_Prompt_
Wherever the word "ceramic" occurs in the listing below, copy that whole line.
Record excerpts section start
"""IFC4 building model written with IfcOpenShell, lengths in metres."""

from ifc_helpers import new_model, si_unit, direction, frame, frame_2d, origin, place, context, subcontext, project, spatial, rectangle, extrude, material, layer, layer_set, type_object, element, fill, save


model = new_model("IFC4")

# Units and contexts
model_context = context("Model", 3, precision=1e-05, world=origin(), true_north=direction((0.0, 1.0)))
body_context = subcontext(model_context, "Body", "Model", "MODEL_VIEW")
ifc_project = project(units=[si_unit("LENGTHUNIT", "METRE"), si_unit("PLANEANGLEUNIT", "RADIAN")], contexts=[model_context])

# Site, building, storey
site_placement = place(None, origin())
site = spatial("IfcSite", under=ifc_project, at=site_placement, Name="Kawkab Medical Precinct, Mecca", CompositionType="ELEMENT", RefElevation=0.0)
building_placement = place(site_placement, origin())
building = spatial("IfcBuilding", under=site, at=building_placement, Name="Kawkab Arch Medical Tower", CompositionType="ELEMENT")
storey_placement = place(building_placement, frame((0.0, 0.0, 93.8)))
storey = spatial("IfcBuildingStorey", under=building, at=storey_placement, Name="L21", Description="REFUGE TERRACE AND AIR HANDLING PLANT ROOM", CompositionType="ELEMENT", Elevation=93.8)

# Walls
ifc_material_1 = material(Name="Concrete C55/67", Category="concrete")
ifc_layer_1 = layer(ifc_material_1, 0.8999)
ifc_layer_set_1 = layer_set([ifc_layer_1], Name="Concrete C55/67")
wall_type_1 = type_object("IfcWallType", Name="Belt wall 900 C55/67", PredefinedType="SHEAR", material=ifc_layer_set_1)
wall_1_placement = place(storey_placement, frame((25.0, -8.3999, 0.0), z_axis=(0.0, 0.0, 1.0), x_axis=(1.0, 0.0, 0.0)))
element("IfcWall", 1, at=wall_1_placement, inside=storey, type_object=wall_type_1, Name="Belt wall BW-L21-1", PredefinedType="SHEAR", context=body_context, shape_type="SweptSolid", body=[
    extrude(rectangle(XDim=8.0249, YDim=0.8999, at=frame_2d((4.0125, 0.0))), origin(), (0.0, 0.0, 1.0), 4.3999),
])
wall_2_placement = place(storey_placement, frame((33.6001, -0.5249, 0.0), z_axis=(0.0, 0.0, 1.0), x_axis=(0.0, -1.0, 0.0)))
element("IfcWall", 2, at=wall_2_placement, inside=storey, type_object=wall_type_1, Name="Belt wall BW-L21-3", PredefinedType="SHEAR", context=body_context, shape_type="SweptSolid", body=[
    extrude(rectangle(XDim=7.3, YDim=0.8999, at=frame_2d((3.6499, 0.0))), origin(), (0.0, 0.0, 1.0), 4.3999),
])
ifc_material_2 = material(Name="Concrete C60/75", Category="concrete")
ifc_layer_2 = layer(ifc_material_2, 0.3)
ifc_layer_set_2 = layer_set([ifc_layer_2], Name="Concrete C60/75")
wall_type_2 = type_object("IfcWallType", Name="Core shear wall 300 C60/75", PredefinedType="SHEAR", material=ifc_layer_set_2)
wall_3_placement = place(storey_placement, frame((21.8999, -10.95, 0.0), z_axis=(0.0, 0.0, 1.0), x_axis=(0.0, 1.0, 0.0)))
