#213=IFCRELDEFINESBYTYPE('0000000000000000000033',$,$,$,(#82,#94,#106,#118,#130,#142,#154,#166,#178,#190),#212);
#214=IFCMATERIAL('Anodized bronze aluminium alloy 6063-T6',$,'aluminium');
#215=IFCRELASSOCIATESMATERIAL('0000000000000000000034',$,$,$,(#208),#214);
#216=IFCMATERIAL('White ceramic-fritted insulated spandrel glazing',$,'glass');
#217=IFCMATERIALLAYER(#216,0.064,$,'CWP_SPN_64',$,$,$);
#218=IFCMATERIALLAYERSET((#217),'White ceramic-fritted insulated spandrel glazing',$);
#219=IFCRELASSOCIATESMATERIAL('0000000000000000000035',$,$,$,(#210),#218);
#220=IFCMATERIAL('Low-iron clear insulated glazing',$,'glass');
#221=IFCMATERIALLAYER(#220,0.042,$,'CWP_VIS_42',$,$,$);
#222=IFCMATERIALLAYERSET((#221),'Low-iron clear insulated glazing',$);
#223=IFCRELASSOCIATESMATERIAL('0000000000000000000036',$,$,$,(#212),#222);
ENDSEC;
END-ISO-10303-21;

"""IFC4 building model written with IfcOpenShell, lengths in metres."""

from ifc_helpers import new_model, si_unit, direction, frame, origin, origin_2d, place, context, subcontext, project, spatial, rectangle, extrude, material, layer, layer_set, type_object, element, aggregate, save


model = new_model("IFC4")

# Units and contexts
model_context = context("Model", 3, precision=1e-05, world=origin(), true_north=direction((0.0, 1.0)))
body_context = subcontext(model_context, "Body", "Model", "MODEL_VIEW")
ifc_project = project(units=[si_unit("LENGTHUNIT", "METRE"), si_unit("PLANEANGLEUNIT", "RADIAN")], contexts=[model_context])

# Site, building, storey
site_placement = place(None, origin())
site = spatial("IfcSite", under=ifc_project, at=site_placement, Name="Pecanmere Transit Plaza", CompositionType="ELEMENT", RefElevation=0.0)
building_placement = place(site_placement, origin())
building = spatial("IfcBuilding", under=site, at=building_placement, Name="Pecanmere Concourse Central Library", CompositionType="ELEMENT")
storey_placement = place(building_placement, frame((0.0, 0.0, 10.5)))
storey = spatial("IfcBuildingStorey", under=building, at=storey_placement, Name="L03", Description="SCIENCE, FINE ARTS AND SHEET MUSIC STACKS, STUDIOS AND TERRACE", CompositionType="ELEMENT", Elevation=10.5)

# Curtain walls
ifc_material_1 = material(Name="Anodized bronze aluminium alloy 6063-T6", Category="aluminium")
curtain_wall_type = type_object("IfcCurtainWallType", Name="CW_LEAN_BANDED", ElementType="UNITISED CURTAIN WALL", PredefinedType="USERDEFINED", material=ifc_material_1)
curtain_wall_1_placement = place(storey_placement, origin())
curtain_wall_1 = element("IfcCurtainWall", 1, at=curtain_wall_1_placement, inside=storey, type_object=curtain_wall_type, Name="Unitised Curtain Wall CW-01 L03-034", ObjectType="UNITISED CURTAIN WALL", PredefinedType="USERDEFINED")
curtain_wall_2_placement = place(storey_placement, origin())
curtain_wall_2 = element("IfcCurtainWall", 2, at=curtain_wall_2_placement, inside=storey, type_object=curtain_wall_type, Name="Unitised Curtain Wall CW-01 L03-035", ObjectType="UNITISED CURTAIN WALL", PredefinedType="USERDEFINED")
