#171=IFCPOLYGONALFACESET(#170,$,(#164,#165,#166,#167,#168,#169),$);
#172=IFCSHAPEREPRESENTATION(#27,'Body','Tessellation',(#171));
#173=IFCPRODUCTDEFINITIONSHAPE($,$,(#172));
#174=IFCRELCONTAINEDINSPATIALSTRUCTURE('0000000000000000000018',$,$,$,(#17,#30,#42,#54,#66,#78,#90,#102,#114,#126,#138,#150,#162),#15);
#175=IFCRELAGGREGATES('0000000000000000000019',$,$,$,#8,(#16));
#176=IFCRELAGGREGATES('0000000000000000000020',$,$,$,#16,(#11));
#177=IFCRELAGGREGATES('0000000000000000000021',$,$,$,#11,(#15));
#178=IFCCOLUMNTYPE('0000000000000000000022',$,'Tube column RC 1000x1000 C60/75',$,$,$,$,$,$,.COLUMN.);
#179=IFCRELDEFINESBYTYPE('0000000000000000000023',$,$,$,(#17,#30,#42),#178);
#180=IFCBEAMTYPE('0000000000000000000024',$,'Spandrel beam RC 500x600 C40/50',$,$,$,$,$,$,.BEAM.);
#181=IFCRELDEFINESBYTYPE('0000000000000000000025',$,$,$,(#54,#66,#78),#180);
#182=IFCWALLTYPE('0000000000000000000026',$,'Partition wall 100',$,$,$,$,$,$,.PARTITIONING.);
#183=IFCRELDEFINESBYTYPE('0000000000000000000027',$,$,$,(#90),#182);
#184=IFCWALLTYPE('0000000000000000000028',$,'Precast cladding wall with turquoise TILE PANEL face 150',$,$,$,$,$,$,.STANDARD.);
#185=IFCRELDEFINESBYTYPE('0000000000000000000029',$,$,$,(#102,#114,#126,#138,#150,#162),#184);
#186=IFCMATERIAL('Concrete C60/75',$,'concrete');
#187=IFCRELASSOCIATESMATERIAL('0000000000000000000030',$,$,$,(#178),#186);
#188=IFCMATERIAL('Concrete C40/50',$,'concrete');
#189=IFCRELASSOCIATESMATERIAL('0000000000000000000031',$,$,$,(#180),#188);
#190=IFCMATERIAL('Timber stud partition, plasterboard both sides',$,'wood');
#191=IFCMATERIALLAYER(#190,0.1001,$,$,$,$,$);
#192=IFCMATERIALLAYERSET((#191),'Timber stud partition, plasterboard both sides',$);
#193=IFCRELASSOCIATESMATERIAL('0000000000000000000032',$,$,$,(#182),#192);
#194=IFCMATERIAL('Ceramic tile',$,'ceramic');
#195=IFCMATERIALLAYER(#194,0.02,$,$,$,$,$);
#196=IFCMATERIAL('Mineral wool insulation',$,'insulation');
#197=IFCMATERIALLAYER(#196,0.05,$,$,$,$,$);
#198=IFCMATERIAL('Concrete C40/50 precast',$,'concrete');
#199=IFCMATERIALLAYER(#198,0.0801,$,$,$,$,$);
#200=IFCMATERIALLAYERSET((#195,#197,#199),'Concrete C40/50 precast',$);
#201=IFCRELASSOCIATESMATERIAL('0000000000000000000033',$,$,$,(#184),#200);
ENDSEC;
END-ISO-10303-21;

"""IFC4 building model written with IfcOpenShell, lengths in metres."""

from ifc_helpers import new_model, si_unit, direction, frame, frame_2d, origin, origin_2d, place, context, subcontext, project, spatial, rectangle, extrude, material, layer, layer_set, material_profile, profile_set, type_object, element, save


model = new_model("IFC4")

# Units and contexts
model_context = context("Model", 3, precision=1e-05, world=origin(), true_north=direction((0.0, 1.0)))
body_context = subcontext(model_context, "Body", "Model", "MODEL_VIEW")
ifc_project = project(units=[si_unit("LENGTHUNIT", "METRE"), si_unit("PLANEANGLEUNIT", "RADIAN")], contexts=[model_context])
Record excerpts section end
_Solution for this exercise_
#216=IFCMATERIAL('White ceramic-fritted insulated spandrel glazing',$,'glass');
#218=IFCMATERIALLAYERSET((#217),'White ceramic-fritted insulated spandrel glazing',$);
#194=IFCMATERIAL('Ceramic tile',$,'ceramic');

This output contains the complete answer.